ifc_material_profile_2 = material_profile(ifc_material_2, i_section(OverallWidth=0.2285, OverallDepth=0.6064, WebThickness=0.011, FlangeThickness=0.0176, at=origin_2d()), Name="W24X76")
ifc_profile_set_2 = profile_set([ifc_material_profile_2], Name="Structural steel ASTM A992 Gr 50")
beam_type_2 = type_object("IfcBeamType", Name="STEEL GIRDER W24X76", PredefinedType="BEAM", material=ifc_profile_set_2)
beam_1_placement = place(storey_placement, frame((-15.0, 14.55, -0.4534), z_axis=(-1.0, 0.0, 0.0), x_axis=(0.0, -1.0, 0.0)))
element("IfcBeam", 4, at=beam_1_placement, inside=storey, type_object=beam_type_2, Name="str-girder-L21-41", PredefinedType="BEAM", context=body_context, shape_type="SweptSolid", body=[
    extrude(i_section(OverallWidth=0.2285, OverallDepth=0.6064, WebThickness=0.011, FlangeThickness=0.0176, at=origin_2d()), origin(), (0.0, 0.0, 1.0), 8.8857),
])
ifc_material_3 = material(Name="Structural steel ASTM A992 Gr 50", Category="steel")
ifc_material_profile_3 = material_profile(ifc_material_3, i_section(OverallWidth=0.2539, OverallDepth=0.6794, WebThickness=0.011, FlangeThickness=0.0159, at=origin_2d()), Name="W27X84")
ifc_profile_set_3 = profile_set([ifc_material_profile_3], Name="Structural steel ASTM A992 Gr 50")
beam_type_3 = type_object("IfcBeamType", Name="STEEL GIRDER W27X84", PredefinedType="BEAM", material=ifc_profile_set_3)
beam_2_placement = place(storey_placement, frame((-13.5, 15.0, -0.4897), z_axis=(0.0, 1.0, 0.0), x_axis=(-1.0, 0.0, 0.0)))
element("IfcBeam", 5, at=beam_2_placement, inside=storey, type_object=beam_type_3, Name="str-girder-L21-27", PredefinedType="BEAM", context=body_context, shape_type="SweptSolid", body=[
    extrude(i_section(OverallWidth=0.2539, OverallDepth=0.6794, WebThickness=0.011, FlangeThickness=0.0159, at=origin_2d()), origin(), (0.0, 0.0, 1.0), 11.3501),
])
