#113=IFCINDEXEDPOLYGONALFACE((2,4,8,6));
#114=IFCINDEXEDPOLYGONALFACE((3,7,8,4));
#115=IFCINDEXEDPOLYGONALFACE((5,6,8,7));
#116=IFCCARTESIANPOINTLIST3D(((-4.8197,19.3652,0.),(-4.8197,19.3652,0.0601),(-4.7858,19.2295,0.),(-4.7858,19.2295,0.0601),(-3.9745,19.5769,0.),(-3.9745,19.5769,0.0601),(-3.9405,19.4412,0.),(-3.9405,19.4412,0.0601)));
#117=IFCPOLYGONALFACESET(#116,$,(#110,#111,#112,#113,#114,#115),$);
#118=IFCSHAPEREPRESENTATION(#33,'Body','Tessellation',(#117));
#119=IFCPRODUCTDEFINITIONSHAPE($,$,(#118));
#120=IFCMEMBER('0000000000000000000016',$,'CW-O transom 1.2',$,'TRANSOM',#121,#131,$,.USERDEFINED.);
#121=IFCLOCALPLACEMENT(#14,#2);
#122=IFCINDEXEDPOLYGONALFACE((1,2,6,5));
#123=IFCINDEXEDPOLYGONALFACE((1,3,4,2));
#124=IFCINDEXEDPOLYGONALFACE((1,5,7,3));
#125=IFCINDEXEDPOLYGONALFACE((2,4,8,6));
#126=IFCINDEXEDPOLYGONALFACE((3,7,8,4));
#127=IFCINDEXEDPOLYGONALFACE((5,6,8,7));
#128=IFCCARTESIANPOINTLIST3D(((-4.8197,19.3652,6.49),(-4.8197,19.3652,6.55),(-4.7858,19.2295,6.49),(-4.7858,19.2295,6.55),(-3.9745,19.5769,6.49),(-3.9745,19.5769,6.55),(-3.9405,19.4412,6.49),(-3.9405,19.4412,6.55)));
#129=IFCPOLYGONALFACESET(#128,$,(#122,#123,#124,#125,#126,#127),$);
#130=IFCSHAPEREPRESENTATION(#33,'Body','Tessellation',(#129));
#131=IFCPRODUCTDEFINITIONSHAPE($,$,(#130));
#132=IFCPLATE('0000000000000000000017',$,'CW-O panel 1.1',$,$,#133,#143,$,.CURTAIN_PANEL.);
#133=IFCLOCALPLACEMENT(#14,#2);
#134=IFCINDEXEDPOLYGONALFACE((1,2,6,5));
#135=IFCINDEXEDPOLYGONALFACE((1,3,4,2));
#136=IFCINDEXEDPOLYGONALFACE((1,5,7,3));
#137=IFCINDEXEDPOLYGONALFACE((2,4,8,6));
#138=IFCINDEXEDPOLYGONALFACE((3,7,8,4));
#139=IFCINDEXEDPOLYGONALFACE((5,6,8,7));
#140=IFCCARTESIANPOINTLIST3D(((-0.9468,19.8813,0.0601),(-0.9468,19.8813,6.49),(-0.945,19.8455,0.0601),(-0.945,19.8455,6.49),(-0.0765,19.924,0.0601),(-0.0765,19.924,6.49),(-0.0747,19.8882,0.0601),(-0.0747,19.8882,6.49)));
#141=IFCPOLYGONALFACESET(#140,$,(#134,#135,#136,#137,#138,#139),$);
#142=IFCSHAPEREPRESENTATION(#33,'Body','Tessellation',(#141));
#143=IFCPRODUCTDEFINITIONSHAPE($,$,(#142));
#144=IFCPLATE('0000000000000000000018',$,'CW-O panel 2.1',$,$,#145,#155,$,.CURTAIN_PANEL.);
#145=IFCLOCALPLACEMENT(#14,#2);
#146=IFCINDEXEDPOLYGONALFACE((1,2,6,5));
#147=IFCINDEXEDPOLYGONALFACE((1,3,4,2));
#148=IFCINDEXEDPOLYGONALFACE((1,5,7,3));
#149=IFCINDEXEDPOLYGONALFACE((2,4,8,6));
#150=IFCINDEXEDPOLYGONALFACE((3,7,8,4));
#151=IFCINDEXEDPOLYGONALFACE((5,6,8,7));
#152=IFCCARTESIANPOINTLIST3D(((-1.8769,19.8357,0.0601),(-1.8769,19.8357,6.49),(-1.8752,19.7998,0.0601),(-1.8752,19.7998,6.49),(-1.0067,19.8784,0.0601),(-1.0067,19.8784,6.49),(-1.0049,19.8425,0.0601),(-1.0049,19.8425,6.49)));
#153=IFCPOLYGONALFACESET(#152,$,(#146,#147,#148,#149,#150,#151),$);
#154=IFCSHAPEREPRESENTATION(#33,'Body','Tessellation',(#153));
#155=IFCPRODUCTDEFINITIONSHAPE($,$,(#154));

● ● ● ● ●

■ PROBLEM DETAILS:
For this exercise, output the entries above exactly as written.

■ PROBLEM SOLUTION:
ifc_material_profile_2 = material_profile(ifc_material_2, i_section(OverallWidth=0.2285, OverallDepth=0.6064, WebThickness=0.011, FlangeThickness=0.0176, at=origin_2d()), Name="W24X76")
ifc_profile_set_2 = profile_set([ifc_material_profile_2], Name="Structural steel ASTM A992 Gr 50")
beam_type_2 = type_object("IfcBeamType", Name="STEEL GIRDER W24X76", PredefinedType="BEAM", material=ifc_profile_set_2)
beam_1_placement = place(storey_placement, frame((-15.0, 14.55, -0.4534), z_axis=(-1.0, 0.0, 0.0), x_axis=(0.0, -1.0, 0.0)))
element("IfcBeam", 4, at=beam_1_placement, inside=storey, type_object=beam_type_2, Name="str-girder-L21-41", PredefinedType="BEAM", context=body_context, shape_type="SweptSolid", body=[
    extrude(i_section(OverallWidth=0.2285, OverallDepth=0.6064, WebThickness=0.011, FlangeThickness=0.0176, at=origin_2d()), origin(), (0.0, 0.0, 1.0), 8.8857),
])
ifc_material_3 = material(Name="Structural steel ASTM A992 Gr 50", Category="steel")
ifc_material_profile_3 = material_profile(ifc_material_3, i_section(OverallWidth=0.2539, OverallDepth=0.6794, WebThickness=0.011, FlangeThickness=0.0159, at=origin_2d()), Name="W27X84")
ifc_profile_set_3 = profile_set([ifc_material_profile_3], Name="Structural steel ASTM A992 Gr 50")
beam_type_3 = type_object("IfcBeamType", Name="STEEL GIRDER W27X84", PredefinedType="BEAM", material=ifc_profile_set_3)
beam_2_placement = place(storey_placement, frame((-13.5, 15.0, -0.4897), z_axis=(0.0, 1.0, 0.0), x_axis=(-1.0, 0.0, 0.0)))
element("IfcBeam", 5, at=beam_2_placement, inside=storey, type_object=beam_type_3, Name="str-girder-L21-27", PredefinedType="BEAM", context=body_context, shape_type="SweptSolid", body=[
    extrude(i_section(OverallWidth=0.2539, OverallDepth=0.6794, WebThickness=0.011, FlangeThickness=0.0159, at=origin_2d()), origin(), (0.0, 0.0, 1.0), 11.3501),
])
#113=IFCINDEXEDPOLYGONALFACE((2,4,8,6));
#114=IFCINDEXEDPOLYGONALFACE((3,7,8,4));
#115=IFCINDEXEDPOLYGONALFACE((5,6,8,7));
#116=IFCCARTESIANPOINTLIST3D(((-4.8197,19.3652,0.),(-4.8197,19.3652,0.0601),(-4.7858,19.2295,0.),(-4.7858,19.2295,0.0601),(-3.9745,19.5769,0.),(-3.9745,19.5769,0.0601),(-3.9405,19.4412,0.),(-3.9405,19.4412,0.0601)));
#117=IFCPOLYGONALFACESET(#116,$,(#110,#111,#112,#113,#114,#115),$);
#118=IFCSHAPEREPRESENTATION(#33,'Body','Tessellation',(#117));
#119=IFCPRODUCTDEFINITIONSHAPE($,$,(#118));
#120=IFCMEMBER('0000000000000000000016',$,'CW-O transom 1.2',$,'TRANSOM',#121,#131,$,.USERDEFINED.);
#121=IFCLOCALPLACEMENT(#14,#2);
#122=IFCINDEXEDPOLYGONALFACE((1,2,6,5));
#123=IFCINDEXEDPOLYGONALFACE((1,3,4,2));
#124=IFCINDEXEDPOLYGONALFACE((1,5,7,3));
#125=IFCINDEXEDPOLYGONALFACE((2,4,8,6));
#126=IFCINDEXEDPOLYGONALFACE((3,7,8,4));
#127=IFCINDEXEDPOLYGONALFACE((5,6,8,7));
#128=IFCCARTESIANPOINTLIST3D(((-4.8197,19.3652,6.49),(-4.8197,19.3652,6.55),(-4.7858,19.2295,6.49),(-4.7858,19.2295,6.55),(-3.9745,19.5769,6.49),(-3.9745,19.5769,6.55),(-3.9405,19.4412,6.49),(-3.9405,19.4412,6.55)));
#129=IFCPOLYGONALFACESET(#128,$,(#122,#123,#124,#125,#126,#127),$);
#130=IFCSHAPEREPRESENTATION(#33,'Body','Tessellation',(#129));
#131=IFCPRODUCTDEFINITIONSHAPE($,$,(#130));
#132=IFCPLATE('0000000000000000000017',$,'CW-O panel 1.1',$,$,#133,#143,$,.CURTAIN_PANEL.);
#133=IFCLOCALPLACEMENT(#14,#2);
#134=IFCINDEXEDPOLYGONALFACE((1,2,6,5));
#135=IFCINDEXEDPOLYGONALFACE((1,3,4,2));
#136=IFCINDEXEDPOLYGONALFACE((1,5,7,3));
#137=IFCINDEXEDPOLYGONALFACE((2,4,8,6));
#138=IFCINDEXEDPOLYGONALFACE((3,7,8,4));
#139=IFCINDEXEDPOLYGONALFACE((5,6,8,7));
#140=IFCCARTESIANPOINTLIST3D(((-0.9468,19.8813,0.0601),(-0.9468,19.8813,6.49),(-0.945,19.8455,0.0601),(-0.945,19.8455,6.49),(-0.0765,19.924,0.0601),(-0.0765,19.924,6.49),(-0.0747,19.8882,0.0601),(-0.0747,19.8882,6.49)));
#141=IFCPOLYGONALFACESET(#140,$,(#134,#135,#136,#137,#138,#139),$);
#142=IFCSHAPEREPRESENTATION(#33,'Body','Tessellation',(#141));
#143=IFCPRODUCTDEFINITIONSHAPE($,$,(#142));
#144=IFCPLATE('0000000000000000000018',$,'CW-O panel 2.1',$,$,#145,#155,$,.CURTAIN_PANEL.);
#145=IFCLOCALPLACEMENT(#14,#2);
#146=IFCINDEXEDPOLYGONALFACE((1,2,6,5));
#147=IFCINDEXEDPOLYGONALFACE((1,3,4,2));
#148=IFCINDEXEDPOLYGONALFACE((1,5,7,3));
#149=IFCINDEXEDPOLYGONALFACE((2,4,8,6));
#150=IFCINDEXEDPOLYGONALFACE((3,7,8,4));
#151=IFCINDEXEDPOLYGONALFACE((5,6,8,7));
#152=IFCCARTESIANPOINTLIST3D(((-1.8769,19.8357,0.0601),(-1.8769,19.8357,6.49),(-1.8752,19.7998,0.0601),(-1.8752,19.7998,6.49),(-1.0067,19.8784,0.0601),(-1.0067,19.8784,6.49),(-1.0049,19.8425,0.0601),(-1.0049,19.8425,6.49)));
#153=IFCPOLYGONALFACESET(#152,$,(#146,#147,#148,#149,#150,#151),$);
#154=IFCSHAPEREPRESENTATION(#33,'Body','Tessellation',(#153));
#155=IFCPRODUCTDEFINITIONSHAPE($,$,(#154));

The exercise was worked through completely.